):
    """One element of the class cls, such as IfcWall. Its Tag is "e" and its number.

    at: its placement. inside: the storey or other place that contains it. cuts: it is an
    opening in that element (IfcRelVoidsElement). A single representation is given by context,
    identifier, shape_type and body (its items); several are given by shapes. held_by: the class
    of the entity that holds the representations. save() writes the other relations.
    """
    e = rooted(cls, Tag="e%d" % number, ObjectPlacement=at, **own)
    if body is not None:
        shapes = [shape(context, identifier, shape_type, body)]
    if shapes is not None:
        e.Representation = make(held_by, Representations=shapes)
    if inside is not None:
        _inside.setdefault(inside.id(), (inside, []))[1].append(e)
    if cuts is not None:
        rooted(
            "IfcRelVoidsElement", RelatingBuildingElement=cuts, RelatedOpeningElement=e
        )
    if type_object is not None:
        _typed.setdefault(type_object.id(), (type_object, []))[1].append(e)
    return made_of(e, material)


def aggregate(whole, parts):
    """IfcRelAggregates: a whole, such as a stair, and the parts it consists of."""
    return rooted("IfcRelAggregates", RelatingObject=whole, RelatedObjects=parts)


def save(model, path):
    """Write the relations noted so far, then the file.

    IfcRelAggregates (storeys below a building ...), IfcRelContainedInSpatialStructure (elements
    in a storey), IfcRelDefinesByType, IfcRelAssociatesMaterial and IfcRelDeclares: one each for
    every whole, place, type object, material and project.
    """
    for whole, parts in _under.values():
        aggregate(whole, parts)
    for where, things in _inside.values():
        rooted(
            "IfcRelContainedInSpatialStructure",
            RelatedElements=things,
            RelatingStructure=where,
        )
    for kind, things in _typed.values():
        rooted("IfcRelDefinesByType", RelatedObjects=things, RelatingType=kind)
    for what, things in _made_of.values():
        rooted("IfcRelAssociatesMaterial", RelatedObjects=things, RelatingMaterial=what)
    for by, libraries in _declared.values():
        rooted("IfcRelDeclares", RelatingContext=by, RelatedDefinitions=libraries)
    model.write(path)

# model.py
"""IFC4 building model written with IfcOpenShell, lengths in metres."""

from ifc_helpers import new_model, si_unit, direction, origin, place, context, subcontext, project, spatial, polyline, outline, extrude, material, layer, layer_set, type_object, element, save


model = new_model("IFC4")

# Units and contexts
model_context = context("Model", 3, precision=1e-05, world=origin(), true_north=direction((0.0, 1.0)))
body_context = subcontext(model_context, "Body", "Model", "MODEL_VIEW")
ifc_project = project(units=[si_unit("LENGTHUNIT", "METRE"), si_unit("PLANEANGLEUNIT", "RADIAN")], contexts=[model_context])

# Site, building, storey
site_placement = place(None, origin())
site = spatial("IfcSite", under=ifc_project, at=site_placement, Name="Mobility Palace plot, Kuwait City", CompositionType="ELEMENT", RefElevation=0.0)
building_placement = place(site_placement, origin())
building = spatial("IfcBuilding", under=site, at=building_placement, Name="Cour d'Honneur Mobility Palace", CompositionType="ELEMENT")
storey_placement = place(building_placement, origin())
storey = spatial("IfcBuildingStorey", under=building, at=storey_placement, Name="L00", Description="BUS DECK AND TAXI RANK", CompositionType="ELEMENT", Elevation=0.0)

==

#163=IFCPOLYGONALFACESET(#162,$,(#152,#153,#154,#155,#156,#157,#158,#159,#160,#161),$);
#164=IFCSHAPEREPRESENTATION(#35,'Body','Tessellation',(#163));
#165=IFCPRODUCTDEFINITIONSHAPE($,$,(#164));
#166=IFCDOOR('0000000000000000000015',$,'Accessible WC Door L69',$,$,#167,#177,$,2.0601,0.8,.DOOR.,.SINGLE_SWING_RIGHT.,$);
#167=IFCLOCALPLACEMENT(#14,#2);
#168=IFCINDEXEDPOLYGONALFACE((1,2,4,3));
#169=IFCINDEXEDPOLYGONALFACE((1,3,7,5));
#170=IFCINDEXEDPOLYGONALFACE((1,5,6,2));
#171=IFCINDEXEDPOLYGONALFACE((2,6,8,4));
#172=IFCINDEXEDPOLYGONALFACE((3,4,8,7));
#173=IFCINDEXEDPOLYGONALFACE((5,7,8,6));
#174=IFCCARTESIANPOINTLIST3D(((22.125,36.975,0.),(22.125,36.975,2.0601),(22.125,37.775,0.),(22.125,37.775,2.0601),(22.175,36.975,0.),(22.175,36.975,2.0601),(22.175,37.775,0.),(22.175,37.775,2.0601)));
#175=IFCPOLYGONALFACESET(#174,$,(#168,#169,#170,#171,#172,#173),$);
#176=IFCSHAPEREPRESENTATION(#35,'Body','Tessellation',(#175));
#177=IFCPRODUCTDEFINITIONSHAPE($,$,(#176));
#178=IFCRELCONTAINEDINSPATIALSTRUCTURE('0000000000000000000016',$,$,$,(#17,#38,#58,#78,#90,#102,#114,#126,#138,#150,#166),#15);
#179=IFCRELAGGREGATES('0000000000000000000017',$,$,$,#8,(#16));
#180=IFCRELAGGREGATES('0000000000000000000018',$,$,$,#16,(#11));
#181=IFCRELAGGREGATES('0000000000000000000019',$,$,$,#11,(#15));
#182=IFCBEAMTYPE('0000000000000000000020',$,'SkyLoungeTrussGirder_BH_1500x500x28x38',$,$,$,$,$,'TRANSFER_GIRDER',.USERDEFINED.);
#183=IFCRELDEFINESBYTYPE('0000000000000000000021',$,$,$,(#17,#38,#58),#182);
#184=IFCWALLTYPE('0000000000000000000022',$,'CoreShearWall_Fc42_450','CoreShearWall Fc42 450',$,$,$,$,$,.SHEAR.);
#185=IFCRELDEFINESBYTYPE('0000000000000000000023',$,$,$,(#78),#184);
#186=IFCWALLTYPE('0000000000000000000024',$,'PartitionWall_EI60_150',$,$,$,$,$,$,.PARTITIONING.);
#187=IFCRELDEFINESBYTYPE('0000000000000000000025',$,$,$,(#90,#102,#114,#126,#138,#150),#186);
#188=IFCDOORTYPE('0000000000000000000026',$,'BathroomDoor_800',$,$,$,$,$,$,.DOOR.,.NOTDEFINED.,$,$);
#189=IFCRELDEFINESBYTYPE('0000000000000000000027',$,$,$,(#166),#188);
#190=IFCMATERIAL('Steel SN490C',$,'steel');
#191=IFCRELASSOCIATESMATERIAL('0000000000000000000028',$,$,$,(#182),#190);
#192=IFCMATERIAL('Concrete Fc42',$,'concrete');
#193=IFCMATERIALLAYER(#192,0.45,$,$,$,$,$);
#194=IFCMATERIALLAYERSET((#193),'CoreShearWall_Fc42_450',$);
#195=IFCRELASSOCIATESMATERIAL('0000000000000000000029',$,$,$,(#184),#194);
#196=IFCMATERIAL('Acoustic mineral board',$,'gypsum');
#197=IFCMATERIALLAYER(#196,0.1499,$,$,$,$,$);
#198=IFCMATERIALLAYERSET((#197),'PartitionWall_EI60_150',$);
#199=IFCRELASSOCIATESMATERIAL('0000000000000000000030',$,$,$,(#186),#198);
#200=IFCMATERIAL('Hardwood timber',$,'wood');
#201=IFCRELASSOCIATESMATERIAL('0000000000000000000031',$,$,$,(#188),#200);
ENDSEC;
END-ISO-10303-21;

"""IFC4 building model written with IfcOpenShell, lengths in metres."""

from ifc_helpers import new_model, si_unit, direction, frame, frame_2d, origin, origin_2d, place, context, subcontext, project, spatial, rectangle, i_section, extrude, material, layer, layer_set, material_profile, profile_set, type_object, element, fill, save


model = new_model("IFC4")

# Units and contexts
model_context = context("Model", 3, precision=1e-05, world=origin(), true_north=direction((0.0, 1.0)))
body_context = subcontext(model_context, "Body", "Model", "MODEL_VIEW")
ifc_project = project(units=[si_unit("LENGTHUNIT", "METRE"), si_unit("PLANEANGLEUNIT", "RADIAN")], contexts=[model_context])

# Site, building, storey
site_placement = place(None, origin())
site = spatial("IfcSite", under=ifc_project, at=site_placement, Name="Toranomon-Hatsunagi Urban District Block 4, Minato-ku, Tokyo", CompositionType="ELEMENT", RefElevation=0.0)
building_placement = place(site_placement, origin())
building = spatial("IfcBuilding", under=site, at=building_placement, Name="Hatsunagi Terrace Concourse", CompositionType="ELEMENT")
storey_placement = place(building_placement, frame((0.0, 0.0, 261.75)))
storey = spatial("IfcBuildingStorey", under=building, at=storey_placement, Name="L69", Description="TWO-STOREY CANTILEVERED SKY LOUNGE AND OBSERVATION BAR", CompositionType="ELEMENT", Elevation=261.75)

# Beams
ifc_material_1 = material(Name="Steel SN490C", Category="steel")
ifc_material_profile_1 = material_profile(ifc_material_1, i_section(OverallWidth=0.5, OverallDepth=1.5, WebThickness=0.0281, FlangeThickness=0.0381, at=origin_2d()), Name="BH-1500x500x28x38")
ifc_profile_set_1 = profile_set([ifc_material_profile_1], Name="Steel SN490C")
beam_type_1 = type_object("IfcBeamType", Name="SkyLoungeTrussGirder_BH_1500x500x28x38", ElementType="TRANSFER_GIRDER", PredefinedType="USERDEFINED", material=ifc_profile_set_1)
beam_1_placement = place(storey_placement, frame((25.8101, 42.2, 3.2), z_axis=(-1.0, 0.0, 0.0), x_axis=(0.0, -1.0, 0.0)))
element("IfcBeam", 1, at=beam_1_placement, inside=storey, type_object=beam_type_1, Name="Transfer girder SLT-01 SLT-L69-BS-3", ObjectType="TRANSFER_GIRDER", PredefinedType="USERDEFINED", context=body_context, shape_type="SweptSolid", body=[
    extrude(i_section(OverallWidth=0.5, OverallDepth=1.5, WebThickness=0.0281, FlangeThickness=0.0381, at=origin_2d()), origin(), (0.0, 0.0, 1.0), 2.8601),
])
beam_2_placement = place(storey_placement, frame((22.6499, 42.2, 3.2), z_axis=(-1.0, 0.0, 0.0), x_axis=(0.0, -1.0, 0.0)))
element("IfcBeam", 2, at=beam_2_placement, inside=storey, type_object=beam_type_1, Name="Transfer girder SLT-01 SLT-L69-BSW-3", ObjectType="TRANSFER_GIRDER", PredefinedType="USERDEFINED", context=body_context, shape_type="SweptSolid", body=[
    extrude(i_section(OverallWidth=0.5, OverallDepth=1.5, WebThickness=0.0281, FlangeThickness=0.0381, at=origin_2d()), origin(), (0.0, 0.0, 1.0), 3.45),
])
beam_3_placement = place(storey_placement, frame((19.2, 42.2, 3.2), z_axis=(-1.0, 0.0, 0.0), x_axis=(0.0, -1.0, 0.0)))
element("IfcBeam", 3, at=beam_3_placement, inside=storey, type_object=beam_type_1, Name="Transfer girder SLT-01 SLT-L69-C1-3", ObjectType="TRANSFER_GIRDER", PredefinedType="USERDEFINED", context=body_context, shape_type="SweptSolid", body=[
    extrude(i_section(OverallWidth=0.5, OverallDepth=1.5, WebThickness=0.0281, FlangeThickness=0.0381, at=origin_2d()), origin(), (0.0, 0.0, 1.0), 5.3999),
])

• **ABOUT THIS TASK**:
Search the material above for the word "Description", then copy each line that holds it.

• **SOLVED EXERCISE**:
storey = spatial("IfcBuildingStorey", under=building, at=storey_placement, Name="L00", Description="BUS DECK AND TAXI RANK", CompositionType="ELEMENT", Elevation=0.0)
storey = spatial("IfcBuildingStorey", under=building, at=storey_placement, Name="L69", Description="TWO-STOREY CANTILEVERED SKY LOUNGE AND OBSERVATION BAR", CompositionType="ELEMENT", Elevation=261.75)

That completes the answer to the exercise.